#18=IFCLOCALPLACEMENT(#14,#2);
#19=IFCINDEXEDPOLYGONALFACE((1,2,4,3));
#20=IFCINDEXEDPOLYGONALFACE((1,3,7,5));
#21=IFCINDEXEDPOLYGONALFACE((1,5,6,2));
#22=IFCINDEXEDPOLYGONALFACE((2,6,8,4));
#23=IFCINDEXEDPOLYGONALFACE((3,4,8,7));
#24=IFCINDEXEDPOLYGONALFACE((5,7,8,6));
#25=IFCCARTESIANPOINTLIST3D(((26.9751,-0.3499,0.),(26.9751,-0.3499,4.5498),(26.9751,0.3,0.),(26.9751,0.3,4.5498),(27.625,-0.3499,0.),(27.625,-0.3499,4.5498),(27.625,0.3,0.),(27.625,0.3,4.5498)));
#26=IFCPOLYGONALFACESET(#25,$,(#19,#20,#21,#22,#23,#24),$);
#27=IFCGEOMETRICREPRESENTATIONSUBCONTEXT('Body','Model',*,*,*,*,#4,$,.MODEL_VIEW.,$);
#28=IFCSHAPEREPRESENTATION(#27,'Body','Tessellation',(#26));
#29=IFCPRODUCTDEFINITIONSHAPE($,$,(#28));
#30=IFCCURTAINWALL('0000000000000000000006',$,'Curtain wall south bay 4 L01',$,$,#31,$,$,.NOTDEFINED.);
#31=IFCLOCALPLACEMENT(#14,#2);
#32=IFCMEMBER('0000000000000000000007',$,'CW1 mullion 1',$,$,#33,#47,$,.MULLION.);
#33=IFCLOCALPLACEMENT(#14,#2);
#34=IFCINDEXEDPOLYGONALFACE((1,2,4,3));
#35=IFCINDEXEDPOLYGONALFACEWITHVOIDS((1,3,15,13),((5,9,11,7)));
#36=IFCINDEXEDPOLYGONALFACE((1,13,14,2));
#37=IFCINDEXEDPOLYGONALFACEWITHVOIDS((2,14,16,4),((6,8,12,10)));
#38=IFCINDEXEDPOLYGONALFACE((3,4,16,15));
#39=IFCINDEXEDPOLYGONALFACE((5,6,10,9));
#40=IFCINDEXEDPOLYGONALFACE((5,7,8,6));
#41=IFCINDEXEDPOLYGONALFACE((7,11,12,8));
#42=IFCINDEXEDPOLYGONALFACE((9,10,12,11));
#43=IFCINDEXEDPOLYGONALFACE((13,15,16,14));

= = = =

WHAT YOU NEED TO DO
Please repeat the material exactly as it appears above.

EXERCISE ANSWER
#18=IFCLOCALPLACEMENT(#14,#2);
#19=IFCINDEXEDPOLYGONALFACE((1,2,4,3));
#20=IFCINDEXEDPOLYGONALFACE((1,3,7,5));
#21=IFCINDEXEDPOLYGONALFACE((1,5,6,2));
#22=IFCINDEXEDPOLYGONALFACE((2,6,8,4));
#23=IFCINDEXEDPOLYGONALFACE((3,4,8,7));
#24=IFCINDEXEDPOLYGONALFACE((5,7,8,6));
#25=IFCCARTESIANPOINTLIST3D(((26.9751,-0.3499,0.),(26.9751,-0.3499,4.5498),(26.9751,0.3,0.),(26.9751,0.3,4.5498),(27.625,-0.3499,0.),(27.625,-0.3499,4.5498),(27.625,0.3,0.),(27.625,0.3,4.5498)));
#26=IFCPOLYGONALFACESET(#25,$,(#19,#20,#21,#22,#23,#24),$);
#27=IFCGEOMETRICREPRESENTATIONSUBCONTEXT('Body','Model',*,*,*,*,#4,$,.MODEL_VIEW.,$);
#28=IFCSHAPEREPRESENTATION(#27,'Body','Tessellation',(#26));
#29=IFCPRODUCTDEFINITIONSHAPE($,$,(#28));
#30=IFCCURTAINWALL('0000000000000000000006',$,'Curtain wall south bay 4 L01',$,$,#31,$,$,.NOTDEFINED.);
#31=IFCLOCALPLACEMENT(#14,#2);
#32=IFCMEMBER('0000000000000000000007',$,'CW1 mullion 1',$,$,#33,#47,$,.MULLION.);
#33=IFCLOCALPLACEMENT(#14,#2);
#34=IFCINDEXEDPOLYGONALFACE((1,2,4,3));
#35=IFCINDEXEDPOLYGONALFACEWITHVOIDS((1,3,15,13),((5,9,11,7)));
#36=IFCINDEXEDPOLYGONALFACE((1,13,14,2));
#37=IFCINDEXEDPOLYGONALFACEWITHVOIDS((2,14,16,4),((6,8,12,10)));
#38=IFCINDEXEDPOLYGONALFACE((3,4,16,15));
#39=IFCINDEXEDPOLYGONALFACE((5,6,10,9));
#40=IFCINDEXEDPOLYGONALFACE((5,7,8,6));
#41=IFCINDEXEDPOLYGONALFACE((7,11,12,8));
#42=IFCINDEXEDPOLYGONALFACE((9,10,12,11));
#43=IFCINDEXEDPOLYGONALFACE((13,15,16,14));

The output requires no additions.